- [TASK ITEM] The whole of the data is to be duplicated precisely.

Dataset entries

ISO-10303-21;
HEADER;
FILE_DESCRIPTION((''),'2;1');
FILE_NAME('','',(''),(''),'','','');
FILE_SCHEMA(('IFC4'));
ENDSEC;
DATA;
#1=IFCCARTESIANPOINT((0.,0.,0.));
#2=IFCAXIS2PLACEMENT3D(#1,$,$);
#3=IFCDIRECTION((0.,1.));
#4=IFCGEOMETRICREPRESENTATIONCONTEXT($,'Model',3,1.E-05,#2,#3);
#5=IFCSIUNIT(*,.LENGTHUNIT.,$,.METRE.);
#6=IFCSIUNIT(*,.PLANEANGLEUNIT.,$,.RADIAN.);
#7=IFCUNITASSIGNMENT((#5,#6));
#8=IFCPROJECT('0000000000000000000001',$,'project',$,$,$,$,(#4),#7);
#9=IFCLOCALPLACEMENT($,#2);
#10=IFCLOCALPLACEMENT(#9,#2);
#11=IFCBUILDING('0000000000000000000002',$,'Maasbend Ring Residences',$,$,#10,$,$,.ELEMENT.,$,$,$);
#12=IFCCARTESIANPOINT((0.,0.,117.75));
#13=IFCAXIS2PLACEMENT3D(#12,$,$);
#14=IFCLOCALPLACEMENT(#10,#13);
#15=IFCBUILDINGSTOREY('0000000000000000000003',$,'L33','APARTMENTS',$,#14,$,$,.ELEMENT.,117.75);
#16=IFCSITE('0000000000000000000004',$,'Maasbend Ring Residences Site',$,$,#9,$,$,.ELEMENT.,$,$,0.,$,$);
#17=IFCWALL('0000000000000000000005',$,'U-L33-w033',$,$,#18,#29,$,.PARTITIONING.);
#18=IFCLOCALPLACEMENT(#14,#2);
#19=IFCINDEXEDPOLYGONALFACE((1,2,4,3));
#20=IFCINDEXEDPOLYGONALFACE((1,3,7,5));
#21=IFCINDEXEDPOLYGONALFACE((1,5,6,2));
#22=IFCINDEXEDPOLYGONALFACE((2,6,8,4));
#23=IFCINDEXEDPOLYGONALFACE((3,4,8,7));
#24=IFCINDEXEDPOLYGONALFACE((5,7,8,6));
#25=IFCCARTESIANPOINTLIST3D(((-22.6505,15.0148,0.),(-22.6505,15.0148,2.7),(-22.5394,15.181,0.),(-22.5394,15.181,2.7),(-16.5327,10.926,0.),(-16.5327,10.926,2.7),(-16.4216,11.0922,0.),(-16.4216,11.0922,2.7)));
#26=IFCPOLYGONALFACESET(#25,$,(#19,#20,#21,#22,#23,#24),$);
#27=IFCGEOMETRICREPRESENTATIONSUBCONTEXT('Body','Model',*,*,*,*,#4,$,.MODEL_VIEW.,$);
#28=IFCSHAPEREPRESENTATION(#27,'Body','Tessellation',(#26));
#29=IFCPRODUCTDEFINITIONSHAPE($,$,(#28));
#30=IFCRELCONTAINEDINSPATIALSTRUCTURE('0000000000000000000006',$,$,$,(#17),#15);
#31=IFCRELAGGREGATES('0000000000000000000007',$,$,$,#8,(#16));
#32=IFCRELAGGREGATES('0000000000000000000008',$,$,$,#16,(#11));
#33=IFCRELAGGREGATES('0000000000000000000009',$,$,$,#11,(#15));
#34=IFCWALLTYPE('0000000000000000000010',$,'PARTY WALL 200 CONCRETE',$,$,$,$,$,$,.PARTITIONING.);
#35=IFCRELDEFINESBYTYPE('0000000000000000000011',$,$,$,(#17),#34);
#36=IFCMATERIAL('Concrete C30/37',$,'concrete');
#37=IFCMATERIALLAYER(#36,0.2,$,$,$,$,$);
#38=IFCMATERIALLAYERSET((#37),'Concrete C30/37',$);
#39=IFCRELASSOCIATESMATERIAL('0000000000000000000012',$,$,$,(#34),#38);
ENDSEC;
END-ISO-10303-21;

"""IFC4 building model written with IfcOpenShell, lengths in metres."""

from ifc_helpers import new_model, si_unit, direction, frame, frame_2d, origin, place, context, subcontext, project, spatial, rectangle, extrude, material, layer, layer_set, type_object, element, save


model = new_model("IFC4")

# Units and contexts
model_context = context("Model", 3, precision=1e-05, world=origin(), true_north=direction((0.0, 1.0)))
body_context = subcontext(model_context, "Body", "Model", "MODEL_VIEW")
ifc_project = project(units=[si_unit("LENGTHUNIT", "METRE"), si_unit("PLANEANGLEUNIT", "RADIAN")], contexts=[model_context])

# Site, building, storey
site_placement = place(None, origin())
site = spatial("IfcSite", under=ifc_project, at=site_placement, Name="Maasbend Ring Residences Site", CompositionType="ELEMENT", RefElevation=0.0)
building_placement = place(site_placement, origin())
building = spatial("IfcBuilding", under=site, at=building_placement, Name="Maasbend Ring Residences", CompositionType="ELEMENT")
storey_placement = place(building_placement, frame((0.0, 0.0, 117.75)))
storey = spatial("IfcBuildingStorey", under=building, at=storey_placement, Name="L33", Description="APARTMENTS", CompositionType="ELEMENT", Elevation=117.75)

# Wall
ifc_material_1 = material(Name="Concrete C30/37", Category="concrete")
ifc_layer_1 = layer(ifc_material_1, 0.2)
ifc_layer_set_1 = layer_set([ifc_layer_1], Name="Concrete C30/37")
wall_type_1 = type_object("IfcWallType", Name="PARTY WALL 200 CONCRETE", PredefinedType="PARTITIONING", material=ifc_layer_set_1)
wall_1_placement = place(storey_placement, frame((-22.595, 15.0979, 0.0), z_axis=(0.0, 0.0, 1.0), x_axis=(0.831407, -0.555665, 0.0)))
element("IfcWall", 1, at=wall_1_placement, inside=storey, type_object=wall_type_1, Name="U-L33-w033", PredefinedType="PARTITIONING", context=body_context, shape_type="SweptSolid", body=[
    extrude(rectangle(XDim=7.3584, YDim=0.2, at=frame_2d((3.6792, 0.0))), origin(), (0.0, 0.0, 1.0), 2.7),
])

save(model, "model.ifc")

- [TASK RESPONSE]
ISO-10303-21;
HEADER;
FILE_DESCRIPTION((''),'2;1');
FILE_NAME('','',(''),(''),'','','');
FILE_SCHEMA(('IFC4'));
ENDSEC;
DATA;
#1=IFCCARTESIANPOINT((0.,0.,0.));
#2=IFCAXIS2PLACEMENT3D(#1,$,$);
#3=IFCDIRECTION((0.,1.));
#4=IFCGEOMETRICREPRESENTATIONCONTEXT($,'Model',3,1.E-05,#2,#3);
#5=IFCSIUNIT(*,.LENGTHUNIT.,$,.METRE.);
#6=IFCSIUNIT(*,.PLANEANGLEUNIT.,$,.RADIAN.);
#7=IFCUNITASSIGNMENT((#5,#6));
#8=IFCPROJECT('0000000000000000000001',$,'project',$,$,$,$,(#4),#7);
#9=IFCLOCALPLACEMENT($,#2);
#10=IFCLOCALPLACEMENT(#9,#2);
#11=IFCBUILDING('0000000000000000000002',$,'Maasbend Ring Residences',$,$,#10,$,$,.ELEMENT.,$,$,$);
#12=IFCCARTESIANPOINT((0.,0.,117.75));
#13=IFCAXIS2PLACEMENT3D(#12,$,$);
#14=IFCLOCALPLACEMENT(#10,#13);
#15=IFCBUILDINGSTOREY('0000000000000000000003',$,'L33','APARTMENTS',$,#14,$,$,.ELEMENT.,117.75);
#16=IFCSITE('0000000000000000000004',$,'Maasbend Ring Residences Site',$,$,#9,$,$,.ELEMENT.,$,$,0.,$,$);
#17=IFCWALL('0000000000000000000005',$,'U-L33-w033',$,$,#18,#29,$,.PARTITIONING.);
#18=IFCLOCALPLACEMENT(#14,#2);
#19=IFCINDEXEDPOLYGONALFACE((1,2,4,3));
#20=IFCINDEXEDPOLYGONALFACE((1,3,7,5));
#21=IFCINDEXEDPOLYGONALFACE((1,5,6,2));
#22=IFCINDEXEDPOLYGONALFACE((2,6,8,4));
#23=IFCINDEXEDPOLYGONALFACE((3,4,8,7));
#24=IFCINDEXEDPOLYGONALFACE((5,7,8,6));
#25=IFCCARTESIANPOINTLIST3D(((-22.6505,15.0148,0.),(-22.6505,15.0148,2.7),(-22.5394,15.181,0.),(-22.5394,15.181,2.7),(-16.5327,10.926,0.),(-16.5327,10.926,2.7),(-16.4216,11.0922,0.),(-16.4216,11.0922,2.7)));
#26=IFCPOLYGONALFACESET(#25,$,(#19,#20,#21,#22,#23,#24),$);
#27=IFCGEOMETRICREPRESENTATIONSUBCONTEXT('Body','Model',*,*,*,*,#4,$,.MODEL_VIEW.,$);
#28=IFCSHAPEREPRESENTATION(#27,'Body','Tessellation',(#26));
#29=IFCPRODUCTDEFINITIONSHAPE($,$,(#28));
#30=IFCRELCONTAINEDINSPATIALSTRUCTURE('0000000000000000000006',$,$,$,(#17),#15);
#31=IFCRELAGGREGATES('0000000000000000000007',$,$,$,#8,(#16));
#32=IFCRELAGGREGATES('0000000000000000000008',$,$,$,#16,(#11));
#33=IFCRELAGGREGATES('0000000000000000000009',$,$,$,#11,(#15));
#34=IFCWALLTYPE('0000000000000000000010',$,'PARTY WALL 200 CONCRETE',$,$,$,$,$,$,.PARTITIONING.);
#35=IFCRELDEFINESBYTYPE('0000000000000000000011',$,$,$,(#17),#34);
#36=IFCMATERIAL('Concrete C30/37',$,'concrete');
#37=IFCMATERIALLAYER(#36,0.2,$,$,$,$,$);
#38=IFCMATERIALLAYERSET((#37),'Concrete C30/37',$);
#39=IFCRELASSOCIATESMATERIAL('0000000000000000000012',$,$,$,(#34),#38);
ENDSEC;
END-ISO-10303-21;

"""IFC4 building model written with IfcOpenShell, lengths in metres."""

from ifc_helpers import new_model, si_unit, direction, frame, frame_2d, origin, place, context, subcontext, project, spatial, rectangle, extrude, material, layer, layer_set, type_object, element, save


model = new_model("IFC4")

# Units and contexts
model_context = context("Model", 3, precision=1e-05, world=origin(), true_north=direction((0.0, 1.0)))
body_context = subcontext(model_context, "Body", "Model", "MODEL_VIEW")
ifc_project = project(units=[si_unit("LENGTHUNIT", "METRE"), si_unit("PLANEANGLEUNIT", "RADIAN")], contexts=[model_context])

# Site, building, storey
site_placement = place(None, origin())
site = spatial("IfcSite", under=ifc_project, at=site_placement, Name="Maasbend Ring Residences Site", CompositionType="ELEMENT", RefElevation=0.0)
building_placement = place(site_placement, origin())
building = spatial("IfcBuilding", under=site, at=building_placement, Name="Maasbend Ring Residences", CompositionType="ELEMENT")
storey_placement = place(building_placement, frame((0.0, 0.0, 117.75)))
storey = spatial("IfcBuildingStorey", under=building, at=storey_placement, Name="L33", Description="APARTMENTS", CompositionType="ELEMENT", Elevation=117.75)

# Wall
ifc_material_1 = material(Name="Concrete C30/37", Category="concrete")
ifc_layer_1 = layer(ifc_material_1, 0.2)
ifc_layer_set_1 = layer_set([ifc_layer_1], Name="Concrete C30/37")
wall_type_1 = type_object("IfcWallType", Name="PARTY WALL 200 CONCRETE", PredefinedType="PARTITIONING", material=ifc_layer_set_1)
wall_1_placement = place(storey_placement, frame((-22.595, 15.0979, 0.0), z_axis=(0.0, 0.0, 1.0), x_axis=(0.831407, -0.555665, 0.0)))
element("IfcWall", 1, at=wall_1_placement, inside=storey, type_object=wall_type_1, Name="U-L33-w033", PredefinedType="PARTITIONING", context=body_context, shape_type="SweptSolid", body=[
    extrude(rectangle(XDim=7.3584, YDim=0.2, at=frame_2d((3.6792, 0.0))), origin(), (0.0, 0.0, 1.0), 2.7),
])

save(model, "model.ifc")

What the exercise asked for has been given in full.